Problem statement: Once you find the line with "#29=IFCINDEXEDPOLYGONALFACE((15,17,21,19));" in the entries below, return exactly every line from it through the line with "#41=IFCINDEXEDPOLYGONALFACE((39,41,42,40));".

[Dataset entries]
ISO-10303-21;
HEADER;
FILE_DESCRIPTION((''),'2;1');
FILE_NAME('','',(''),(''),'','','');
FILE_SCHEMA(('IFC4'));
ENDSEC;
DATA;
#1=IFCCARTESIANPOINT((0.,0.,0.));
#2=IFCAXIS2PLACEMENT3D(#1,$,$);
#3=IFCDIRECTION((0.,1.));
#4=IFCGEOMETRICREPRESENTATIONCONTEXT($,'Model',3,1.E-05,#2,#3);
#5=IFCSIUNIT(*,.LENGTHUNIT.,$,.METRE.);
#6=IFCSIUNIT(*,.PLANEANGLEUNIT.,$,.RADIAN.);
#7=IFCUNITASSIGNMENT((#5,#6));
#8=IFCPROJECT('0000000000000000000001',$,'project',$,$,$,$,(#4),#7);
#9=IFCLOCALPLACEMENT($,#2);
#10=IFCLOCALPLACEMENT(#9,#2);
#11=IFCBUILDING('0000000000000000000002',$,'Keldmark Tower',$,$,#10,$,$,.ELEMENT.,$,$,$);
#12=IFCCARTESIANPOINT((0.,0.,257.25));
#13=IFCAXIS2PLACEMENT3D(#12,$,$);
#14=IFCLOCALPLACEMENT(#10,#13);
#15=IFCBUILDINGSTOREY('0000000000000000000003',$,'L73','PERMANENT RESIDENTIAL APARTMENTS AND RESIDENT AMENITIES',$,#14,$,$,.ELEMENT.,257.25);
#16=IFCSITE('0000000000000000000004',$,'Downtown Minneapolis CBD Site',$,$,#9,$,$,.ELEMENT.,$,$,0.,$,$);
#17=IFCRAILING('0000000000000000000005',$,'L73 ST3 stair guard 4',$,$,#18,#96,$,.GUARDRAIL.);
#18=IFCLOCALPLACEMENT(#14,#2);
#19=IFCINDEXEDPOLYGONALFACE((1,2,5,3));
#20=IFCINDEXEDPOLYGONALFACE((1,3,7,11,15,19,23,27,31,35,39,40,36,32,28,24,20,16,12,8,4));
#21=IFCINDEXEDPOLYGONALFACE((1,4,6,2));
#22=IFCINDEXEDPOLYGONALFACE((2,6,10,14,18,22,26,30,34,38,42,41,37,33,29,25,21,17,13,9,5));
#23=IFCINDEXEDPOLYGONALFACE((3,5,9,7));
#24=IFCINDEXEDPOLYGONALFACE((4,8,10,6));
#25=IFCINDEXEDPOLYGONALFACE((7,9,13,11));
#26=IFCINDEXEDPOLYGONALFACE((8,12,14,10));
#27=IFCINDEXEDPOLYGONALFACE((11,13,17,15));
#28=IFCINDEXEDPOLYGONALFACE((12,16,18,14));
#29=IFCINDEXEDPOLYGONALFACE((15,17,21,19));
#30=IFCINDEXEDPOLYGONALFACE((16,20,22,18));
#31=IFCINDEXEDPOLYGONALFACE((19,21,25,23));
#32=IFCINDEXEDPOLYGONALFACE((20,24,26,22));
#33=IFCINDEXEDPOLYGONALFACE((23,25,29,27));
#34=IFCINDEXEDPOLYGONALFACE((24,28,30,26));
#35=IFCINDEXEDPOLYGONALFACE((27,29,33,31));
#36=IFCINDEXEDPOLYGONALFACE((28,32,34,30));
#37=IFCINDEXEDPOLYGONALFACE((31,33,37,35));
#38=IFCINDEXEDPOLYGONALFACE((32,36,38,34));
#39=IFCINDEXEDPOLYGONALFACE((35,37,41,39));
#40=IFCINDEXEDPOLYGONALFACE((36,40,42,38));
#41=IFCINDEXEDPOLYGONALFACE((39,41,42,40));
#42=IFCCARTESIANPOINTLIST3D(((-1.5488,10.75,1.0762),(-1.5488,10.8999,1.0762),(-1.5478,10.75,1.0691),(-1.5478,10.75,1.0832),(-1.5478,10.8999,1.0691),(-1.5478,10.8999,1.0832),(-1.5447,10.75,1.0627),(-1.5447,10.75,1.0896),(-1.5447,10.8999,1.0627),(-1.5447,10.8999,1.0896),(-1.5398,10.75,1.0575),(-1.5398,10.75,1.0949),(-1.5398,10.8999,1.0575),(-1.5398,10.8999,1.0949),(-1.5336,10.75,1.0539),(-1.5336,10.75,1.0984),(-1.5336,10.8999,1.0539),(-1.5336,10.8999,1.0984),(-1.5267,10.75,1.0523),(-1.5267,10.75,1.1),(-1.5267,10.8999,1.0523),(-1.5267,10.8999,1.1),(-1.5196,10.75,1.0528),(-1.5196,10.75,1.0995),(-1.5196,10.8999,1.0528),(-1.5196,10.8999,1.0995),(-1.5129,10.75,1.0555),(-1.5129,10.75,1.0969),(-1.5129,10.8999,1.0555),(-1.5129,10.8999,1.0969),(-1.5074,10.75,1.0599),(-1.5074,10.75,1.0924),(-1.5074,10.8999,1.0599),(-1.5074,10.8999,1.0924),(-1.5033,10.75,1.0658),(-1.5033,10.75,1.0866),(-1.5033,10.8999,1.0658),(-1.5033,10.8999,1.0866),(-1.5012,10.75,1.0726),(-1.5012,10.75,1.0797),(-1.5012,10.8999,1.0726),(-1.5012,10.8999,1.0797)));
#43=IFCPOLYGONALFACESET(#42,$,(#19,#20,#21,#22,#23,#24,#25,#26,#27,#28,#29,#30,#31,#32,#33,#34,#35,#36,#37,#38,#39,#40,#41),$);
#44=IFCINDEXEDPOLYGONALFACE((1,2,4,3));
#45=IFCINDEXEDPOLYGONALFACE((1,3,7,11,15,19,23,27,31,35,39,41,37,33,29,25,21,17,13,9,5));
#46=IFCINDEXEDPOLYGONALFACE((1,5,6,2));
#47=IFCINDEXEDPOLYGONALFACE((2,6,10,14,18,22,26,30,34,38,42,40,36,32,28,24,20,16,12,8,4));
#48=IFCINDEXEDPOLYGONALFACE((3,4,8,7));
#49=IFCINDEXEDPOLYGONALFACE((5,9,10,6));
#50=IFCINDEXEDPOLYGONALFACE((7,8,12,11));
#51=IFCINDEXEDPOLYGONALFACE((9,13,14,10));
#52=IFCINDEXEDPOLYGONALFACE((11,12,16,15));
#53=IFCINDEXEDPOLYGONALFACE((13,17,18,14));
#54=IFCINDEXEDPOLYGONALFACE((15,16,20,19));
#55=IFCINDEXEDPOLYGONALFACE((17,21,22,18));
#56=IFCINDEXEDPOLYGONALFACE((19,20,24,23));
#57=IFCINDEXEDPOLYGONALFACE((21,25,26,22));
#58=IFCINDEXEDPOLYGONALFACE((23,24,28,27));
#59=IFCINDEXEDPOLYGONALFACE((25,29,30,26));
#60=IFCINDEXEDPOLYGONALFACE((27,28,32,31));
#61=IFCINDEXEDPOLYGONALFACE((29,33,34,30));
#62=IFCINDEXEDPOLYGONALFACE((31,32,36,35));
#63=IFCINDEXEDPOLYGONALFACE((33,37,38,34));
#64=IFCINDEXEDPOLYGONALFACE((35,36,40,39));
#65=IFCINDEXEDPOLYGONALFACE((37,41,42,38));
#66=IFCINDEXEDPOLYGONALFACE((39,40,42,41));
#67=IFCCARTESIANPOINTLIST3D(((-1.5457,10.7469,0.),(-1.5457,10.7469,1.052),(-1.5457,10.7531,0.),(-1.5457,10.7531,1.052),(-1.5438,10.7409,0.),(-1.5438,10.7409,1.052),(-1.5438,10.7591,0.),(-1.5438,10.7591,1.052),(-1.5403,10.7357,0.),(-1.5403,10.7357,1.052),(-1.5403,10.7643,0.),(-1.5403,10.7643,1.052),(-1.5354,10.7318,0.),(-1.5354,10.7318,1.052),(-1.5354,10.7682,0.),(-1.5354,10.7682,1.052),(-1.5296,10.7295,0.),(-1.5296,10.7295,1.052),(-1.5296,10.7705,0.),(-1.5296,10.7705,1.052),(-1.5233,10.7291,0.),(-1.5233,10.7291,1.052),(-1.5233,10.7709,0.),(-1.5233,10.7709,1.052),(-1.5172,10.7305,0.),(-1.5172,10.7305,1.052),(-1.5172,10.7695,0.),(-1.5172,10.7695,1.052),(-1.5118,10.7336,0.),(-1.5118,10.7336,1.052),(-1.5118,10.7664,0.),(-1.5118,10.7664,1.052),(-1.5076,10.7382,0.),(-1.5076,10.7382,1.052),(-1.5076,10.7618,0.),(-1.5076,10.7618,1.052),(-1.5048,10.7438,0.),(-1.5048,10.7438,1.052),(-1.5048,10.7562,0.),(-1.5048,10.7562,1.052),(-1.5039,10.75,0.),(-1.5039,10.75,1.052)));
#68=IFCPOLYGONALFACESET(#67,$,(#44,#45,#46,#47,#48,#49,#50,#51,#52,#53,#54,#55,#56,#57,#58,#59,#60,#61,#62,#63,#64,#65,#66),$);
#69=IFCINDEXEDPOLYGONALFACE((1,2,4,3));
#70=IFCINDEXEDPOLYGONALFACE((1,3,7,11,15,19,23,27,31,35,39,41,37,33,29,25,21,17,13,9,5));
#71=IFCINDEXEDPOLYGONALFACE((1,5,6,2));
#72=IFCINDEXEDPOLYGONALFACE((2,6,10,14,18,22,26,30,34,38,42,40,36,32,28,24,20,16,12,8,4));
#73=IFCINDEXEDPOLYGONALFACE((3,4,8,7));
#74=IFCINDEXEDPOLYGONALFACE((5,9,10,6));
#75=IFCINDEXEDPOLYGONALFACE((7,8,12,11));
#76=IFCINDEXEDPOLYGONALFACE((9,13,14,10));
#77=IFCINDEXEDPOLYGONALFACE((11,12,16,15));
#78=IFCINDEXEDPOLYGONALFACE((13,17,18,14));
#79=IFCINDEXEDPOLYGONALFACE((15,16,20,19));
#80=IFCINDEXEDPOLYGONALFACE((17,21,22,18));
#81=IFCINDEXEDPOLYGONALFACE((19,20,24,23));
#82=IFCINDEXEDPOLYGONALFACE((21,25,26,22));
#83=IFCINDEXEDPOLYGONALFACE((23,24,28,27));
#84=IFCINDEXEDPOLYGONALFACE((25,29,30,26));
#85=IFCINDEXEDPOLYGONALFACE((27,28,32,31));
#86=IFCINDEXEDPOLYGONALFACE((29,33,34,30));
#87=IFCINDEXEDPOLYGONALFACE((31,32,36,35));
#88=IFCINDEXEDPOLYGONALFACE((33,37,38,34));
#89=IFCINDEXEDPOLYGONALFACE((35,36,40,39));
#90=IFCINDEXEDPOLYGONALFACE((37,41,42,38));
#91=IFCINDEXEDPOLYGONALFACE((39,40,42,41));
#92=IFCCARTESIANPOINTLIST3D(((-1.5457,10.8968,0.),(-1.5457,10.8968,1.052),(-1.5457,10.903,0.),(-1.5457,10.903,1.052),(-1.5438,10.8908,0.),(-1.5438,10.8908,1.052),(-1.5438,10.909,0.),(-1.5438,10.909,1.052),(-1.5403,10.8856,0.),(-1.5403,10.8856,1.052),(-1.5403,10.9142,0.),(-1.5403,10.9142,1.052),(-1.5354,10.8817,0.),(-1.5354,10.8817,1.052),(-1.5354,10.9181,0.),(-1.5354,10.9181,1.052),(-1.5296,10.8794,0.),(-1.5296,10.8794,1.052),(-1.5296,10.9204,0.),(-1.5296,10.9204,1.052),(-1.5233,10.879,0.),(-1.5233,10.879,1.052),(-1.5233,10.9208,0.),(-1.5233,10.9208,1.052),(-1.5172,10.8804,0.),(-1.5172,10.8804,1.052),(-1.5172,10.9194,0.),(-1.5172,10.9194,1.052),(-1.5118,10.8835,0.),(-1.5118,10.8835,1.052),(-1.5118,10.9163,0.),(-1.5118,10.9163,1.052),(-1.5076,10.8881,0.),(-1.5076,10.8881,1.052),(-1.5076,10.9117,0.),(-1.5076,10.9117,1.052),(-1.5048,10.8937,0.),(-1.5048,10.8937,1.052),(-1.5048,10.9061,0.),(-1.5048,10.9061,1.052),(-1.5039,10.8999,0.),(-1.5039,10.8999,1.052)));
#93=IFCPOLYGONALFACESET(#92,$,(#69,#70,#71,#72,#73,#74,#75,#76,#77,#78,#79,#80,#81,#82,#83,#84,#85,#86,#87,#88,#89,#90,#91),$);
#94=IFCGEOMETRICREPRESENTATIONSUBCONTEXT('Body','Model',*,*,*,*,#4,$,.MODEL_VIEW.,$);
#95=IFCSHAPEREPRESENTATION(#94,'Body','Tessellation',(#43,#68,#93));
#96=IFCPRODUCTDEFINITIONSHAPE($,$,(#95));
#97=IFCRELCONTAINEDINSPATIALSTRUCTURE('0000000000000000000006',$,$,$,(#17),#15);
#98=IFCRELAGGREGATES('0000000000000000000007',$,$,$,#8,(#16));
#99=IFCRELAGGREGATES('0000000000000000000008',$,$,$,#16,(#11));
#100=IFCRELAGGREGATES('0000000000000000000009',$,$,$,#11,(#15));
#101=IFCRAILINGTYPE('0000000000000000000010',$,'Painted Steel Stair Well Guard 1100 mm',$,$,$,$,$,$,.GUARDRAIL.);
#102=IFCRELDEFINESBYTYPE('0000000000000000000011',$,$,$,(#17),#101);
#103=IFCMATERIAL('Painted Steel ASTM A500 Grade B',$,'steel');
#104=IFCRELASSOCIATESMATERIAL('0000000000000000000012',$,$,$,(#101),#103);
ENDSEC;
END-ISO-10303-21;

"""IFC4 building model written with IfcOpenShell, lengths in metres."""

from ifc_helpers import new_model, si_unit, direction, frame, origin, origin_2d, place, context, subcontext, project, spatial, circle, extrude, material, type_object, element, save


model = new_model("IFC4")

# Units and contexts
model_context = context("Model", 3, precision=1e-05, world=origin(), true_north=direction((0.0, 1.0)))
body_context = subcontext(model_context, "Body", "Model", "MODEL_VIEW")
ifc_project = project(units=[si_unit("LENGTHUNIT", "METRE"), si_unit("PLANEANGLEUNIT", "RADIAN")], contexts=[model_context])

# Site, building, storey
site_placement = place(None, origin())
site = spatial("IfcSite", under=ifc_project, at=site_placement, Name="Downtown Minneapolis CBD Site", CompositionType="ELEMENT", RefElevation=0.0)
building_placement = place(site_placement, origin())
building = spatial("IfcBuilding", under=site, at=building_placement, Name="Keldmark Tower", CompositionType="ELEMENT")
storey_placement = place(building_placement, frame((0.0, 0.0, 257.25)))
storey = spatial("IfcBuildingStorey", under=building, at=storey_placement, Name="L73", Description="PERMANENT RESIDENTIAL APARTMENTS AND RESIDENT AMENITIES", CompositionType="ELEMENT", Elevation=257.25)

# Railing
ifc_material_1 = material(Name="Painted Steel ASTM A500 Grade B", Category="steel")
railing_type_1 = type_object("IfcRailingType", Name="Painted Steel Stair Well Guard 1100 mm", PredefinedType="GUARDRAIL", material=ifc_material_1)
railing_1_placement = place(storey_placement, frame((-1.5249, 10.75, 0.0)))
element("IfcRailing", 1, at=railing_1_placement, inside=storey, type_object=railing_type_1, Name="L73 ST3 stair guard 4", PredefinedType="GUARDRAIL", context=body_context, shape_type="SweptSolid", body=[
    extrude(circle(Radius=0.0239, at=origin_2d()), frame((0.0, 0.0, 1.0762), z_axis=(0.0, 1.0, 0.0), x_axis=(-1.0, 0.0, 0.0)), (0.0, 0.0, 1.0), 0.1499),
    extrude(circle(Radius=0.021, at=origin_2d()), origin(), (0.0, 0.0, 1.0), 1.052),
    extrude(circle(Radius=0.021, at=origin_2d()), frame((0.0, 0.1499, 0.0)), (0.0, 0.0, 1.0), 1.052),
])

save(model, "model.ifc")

Written response:
#29=IFCINDEXEDPOLYGONALFACE((15,17,21,19));
#30=IFCINDEXEDPOLYGONALFACE((16,20,22,18));
#31=IFCINDEXEDPOLYGONALFACE((19,21,25,23));
#32=IFCINDEXEDPOLYGONALFACE((20,24,26,22));
#33=IFCINDEXEDPOLYGONALFACE((23,25,29,27));
#34=IFCINDEXEDPOLYGONALFACE((24,28,30,26));
#35=IFCINDEXEDPOLYGONALFACE((27,29,33,31));
#36=IFCINDEXEDPOLYGONALFACE((28,32,34,30));
#37=IFCINDEXEDPOLYGONALFACE((31,33,37,35));
#38=IFCINDEXEDPOLYGONALFACE((32,36,38,34));
#39=IFCINDEXEDPOLYGONALFACE((35,37,41,39));
#40=IFCINDEXEDPOLYGONALFACE((36,40,42,38));
#41=IFCINDEXEDPOLYGONALFACE((39,41,42,40));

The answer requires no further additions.